Start of Materials provided

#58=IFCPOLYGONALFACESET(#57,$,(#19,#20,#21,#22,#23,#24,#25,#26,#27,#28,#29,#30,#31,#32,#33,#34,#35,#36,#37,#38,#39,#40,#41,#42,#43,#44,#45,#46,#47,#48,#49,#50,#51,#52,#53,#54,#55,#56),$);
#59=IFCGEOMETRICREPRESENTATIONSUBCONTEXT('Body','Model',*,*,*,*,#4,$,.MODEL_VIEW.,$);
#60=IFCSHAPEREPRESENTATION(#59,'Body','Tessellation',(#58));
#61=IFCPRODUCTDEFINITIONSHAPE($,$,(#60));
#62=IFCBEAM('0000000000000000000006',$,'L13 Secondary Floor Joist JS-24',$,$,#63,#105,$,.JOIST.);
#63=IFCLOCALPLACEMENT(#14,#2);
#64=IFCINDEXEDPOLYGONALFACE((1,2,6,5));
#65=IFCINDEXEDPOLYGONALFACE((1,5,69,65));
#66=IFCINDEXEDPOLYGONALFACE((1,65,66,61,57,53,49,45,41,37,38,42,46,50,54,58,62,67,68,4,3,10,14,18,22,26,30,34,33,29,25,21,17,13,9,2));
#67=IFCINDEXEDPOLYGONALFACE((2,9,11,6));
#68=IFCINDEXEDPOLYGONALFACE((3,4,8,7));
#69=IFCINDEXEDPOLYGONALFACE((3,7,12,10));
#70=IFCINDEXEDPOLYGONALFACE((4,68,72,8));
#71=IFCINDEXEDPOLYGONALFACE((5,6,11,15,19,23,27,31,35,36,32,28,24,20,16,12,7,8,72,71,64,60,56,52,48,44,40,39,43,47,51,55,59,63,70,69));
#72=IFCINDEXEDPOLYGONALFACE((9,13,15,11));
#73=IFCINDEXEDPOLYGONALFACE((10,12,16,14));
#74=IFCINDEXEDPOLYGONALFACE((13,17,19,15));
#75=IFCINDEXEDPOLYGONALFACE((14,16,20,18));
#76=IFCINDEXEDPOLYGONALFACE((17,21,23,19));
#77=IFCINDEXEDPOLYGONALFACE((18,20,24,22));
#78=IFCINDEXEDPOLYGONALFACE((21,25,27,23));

End of Materials provided

Aim of the task:
Retype all the data verbatim.

Written answer:
#58=IFCPOLYGONALFACESET(#57,$,(#19,#20,#21,#22,#23,#24,#25,#26,#27,#28,#29,#30,#31,#32,#33,#34,#35,#36,#37,#38,#39,#40,#41,#42,#43,#44,#45,#46,#47,#48,#49,#50,#51,#52,#53,#54,#55,#56),$);
#59=IFCGEOMETRICREPRESENTATIONSUBCONTEXT('Body','Model',*,*,*,*,#4,$,.MODEL_VIEW.,$);
#60=IFCSHAPEREPRESENTATION(#59,'Body','Tessellation',(#58));
#61=IFCPRODUCTDEFINITIONSHAPE($,$,(#60));
#62=IFCBEAM('0000000000000000000006',$,'L13 Secondary Floor Joist JS-24',$,$,#63,#105,$,.JOIST.);
#63=IFCLOCALPLACEMENT(#14,#2);
#64=IFCINDEXEDPOLYGONALFACE((1,2,6,5));
#65=IFCINDEXEDPOLYGONALFACE((1,5,69,65));
#66=IFCINDEXEDPOLYGONALFACE((1,65,66,61,57,53,49,45,41,37,38,42,46,50,54,58,62,67,68,4,3,10,14,18,22,26,30,34,33,29,25,21,17,13,9,2));
#67=IFCINDEXEDPOLYGONALFACE((2,9,11,6));
#68=IFCINDEXEDPOLYGONALFACE((3,4,8,7));
#69=IFCINDEXEDPOLYGONALFACE((3,7,12,10));
#70=IFCINDEXEDPOLYGONALFACE((4,68,72,8));
#71=IFCINDEXEDPOLYGONALFACE((5,6,11,15,19,23,27,31,35,36,32,28,24,20,16,12,7,8,72,71,64,60,56,52,48,44,40,39,43,47,51,55,59,63,70,69));
#72=IFCINDEXEDPOLYGONALFACE((9,13,15,11));
#73=IFCINDEXEDPOLYGONALFACE((10,12,16,14));
#74=IFCINDEXEDPOLYGONALFACE((13,17,19,15));
#75=IFCINDEXEDPOLYGONALFACE((14,16,20,18));
#76=IFCINDEXEDPOLYGONALFACE((17,21,23,19));
#77=IFCINDEXEDPOLYGONALFACE((18,20,24,22));
#78=IFCINDEXEDPOLYGONALFACE((21,25,27,23));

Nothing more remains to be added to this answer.